▶ [DATA FOR THIS TASK]
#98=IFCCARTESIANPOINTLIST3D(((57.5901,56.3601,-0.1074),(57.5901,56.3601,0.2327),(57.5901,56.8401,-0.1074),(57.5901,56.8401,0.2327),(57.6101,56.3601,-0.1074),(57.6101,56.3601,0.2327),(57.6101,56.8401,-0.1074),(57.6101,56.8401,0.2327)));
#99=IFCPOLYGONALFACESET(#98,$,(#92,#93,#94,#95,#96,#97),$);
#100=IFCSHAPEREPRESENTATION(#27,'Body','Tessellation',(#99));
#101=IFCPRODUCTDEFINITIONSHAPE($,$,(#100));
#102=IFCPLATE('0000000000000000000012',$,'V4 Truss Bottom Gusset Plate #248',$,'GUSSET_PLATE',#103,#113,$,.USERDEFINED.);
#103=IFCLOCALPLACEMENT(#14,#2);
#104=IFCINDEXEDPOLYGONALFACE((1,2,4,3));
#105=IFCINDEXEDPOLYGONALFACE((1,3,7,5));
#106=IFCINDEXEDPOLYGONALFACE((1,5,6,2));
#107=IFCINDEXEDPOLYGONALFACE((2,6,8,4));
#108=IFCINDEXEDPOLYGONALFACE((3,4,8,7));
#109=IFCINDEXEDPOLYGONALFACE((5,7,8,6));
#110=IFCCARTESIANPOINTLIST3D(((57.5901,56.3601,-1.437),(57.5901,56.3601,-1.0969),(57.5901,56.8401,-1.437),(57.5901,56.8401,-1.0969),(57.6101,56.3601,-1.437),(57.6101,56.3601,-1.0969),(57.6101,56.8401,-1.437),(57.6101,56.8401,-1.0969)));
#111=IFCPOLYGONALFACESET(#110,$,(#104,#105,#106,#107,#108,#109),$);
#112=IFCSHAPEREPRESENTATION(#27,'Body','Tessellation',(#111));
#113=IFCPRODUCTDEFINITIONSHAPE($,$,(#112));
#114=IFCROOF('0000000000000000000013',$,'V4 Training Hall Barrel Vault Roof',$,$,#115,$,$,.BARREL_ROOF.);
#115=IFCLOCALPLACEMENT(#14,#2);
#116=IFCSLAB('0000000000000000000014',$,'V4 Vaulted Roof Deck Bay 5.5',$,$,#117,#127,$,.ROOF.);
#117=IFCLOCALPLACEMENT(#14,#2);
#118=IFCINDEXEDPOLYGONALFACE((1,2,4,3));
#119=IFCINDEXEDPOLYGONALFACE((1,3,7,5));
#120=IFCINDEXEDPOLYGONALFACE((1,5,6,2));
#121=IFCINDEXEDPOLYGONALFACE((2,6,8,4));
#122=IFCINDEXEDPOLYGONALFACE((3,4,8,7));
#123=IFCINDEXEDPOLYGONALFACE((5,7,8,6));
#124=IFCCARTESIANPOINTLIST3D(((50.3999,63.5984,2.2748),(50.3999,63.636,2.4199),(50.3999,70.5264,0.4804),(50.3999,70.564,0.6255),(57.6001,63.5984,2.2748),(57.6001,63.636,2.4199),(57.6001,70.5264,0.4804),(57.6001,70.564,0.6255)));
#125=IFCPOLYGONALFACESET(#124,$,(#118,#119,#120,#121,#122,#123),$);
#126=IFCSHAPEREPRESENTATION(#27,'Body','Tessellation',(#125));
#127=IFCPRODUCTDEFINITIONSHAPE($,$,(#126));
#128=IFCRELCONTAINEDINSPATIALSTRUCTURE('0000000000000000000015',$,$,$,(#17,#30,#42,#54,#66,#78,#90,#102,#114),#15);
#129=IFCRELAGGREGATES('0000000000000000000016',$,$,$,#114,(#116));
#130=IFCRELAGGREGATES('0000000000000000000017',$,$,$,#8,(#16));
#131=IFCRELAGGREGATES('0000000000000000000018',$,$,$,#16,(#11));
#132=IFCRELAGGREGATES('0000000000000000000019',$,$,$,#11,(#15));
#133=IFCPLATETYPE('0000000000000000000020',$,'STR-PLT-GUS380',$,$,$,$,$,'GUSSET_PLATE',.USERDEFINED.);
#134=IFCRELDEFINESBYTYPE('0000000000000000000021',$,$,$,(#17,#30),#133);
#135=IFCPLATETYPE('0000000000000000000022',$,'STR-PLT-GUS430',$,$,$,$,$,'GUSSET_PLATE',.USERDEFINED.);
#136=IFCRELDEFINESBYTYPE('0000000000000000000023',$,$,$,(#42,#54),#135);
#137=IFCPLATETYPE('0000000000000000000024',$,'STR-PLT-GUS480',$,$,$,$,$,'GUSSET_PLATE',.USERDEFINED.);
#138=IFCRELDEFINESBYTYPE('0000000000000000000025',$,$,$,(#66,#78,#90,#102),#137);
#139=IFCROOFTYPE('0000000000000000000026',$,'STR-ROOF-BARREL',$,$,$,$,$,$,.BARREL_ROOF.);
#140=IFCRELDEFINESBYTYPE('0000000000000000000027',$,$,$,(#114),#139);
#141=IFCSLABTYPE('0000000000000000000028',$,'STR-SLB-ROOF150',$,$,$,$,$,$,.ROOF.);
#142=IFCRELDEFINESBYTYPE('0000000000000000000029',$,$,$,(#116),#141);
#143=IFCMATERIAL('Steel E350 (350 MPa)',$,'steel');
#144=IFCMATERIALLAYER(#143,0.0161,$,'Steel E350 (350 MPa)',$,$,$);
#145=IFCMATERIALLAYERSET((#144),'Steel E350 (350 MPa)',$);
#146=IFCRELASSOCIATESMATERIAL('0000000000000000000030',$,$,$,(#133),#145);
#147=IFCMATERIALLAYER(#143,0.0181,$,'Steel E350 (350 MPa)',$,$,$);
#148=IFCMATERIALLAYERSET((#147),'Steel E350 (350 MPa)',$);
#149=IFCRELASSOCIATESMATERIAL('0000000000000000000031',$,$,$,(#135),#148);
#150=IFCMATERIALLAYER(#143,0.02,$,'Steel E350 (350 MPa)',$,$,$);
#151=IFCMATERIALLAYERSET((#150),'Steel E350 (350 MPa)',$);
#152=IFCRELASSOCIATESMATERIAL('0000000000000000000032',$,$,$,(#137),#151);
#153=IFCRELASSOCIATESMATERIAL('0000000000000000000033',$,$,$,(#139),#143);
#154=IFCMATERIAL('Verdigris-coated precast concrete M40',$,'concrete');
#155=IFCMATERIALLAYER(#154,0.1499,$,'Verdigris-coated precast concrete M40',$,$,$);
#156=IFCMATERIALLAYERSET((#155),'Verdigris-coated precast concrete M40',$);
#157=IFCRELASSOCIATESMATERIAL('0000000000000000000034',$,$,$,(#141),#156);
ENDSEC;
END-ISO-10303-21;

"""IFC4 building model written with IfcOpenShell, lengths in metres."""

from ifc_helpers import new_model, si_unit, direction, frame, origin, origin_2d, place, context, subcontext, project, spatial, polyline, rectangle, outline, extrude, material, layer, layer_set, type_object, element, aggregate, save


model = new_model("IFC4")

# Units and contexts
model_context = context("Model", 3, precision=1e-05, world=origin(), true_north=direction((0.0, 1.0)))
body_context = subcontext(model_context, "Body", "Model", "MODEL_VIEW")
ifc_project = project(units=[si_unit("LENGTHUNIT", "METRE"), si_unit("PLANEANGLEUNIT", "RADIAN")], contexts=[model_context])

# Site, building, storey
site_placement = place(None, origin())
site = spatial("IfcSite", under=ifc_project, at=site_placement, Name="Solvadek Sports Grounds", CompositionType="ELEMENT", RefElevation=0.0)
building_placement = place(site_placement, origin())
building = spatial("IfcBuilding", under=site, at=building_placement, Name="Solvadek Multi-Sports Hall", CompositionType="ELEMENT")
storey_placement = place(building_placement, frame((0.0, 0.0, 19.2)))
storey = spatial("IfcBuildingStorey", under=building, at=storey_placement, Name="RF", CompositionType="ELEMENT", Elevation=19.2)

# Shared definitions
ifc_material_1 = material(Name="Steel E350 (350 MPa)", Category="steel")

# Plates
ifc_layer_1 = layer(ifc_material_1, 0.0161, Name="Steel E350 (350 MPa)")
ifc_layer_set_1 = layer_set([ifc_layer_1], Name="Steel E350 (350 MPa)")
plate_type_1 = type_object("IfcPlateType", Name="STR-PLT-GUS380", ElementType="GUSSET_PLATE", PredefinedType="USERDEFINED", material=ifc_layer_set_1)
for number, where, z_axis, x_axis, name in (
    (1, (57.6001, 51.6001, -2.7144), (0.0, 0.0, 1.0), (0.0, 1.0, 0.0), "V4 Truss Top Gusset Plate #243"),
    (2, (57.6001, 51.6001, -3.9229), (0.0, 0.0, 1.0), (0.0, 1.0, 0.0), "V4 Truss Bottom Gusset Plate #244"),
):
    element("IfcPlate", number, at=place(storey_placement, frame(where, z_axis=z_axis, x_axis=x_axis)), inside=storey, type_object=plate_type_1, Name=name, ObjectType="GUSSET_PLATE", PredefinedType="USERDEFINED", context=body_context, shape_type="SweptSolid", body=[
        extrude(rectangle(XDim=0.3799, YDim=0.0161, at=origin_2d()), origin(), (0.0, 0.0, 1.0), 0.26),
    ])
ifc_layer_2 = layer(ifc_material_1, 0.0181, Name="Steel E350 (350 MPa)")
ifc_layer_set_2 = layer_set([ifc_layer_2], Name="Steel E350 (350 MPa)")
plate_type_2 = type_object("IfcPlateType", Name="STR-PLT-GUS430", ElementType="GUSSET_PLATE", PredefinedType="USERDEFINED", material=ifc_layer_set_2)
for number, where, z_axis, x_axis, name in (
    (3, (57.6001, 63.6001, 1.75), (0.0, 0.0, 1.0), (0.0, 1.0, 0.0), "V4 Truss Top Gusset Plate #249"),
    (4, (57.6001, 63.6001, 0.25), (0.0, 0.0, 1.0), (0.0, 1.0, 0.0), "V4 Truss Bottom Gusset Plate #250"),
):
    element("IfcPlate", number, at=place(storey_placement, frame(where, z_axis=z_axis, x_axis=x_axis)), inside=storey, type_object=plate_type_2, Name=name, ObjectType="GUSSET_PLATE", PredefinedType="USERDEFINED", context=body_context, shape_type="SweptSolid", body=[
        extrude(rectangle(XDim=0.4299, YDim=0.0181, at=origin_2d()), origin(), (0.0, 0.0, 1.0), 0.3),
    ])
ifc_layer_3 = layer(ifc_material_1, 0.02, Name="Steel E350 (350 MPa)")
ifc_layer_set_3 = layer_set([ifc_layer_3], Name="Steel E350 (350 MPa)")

▶ [REQUIRED ACTION] Look for the string "Tessellation" in the data above and return every line that has it.

▶ [EXERCISE OUTPUT]
#100=IFCSHAPEREPRESENTATION(#27,'Body','Tessellation',(#99));
#112=IFCSHAPEREPRESENTATION(#27,'Body','Tessellation',(#111));
#126=IFCSHAPEREPRESENTATION(#27,'Body','Tessellation',(#125));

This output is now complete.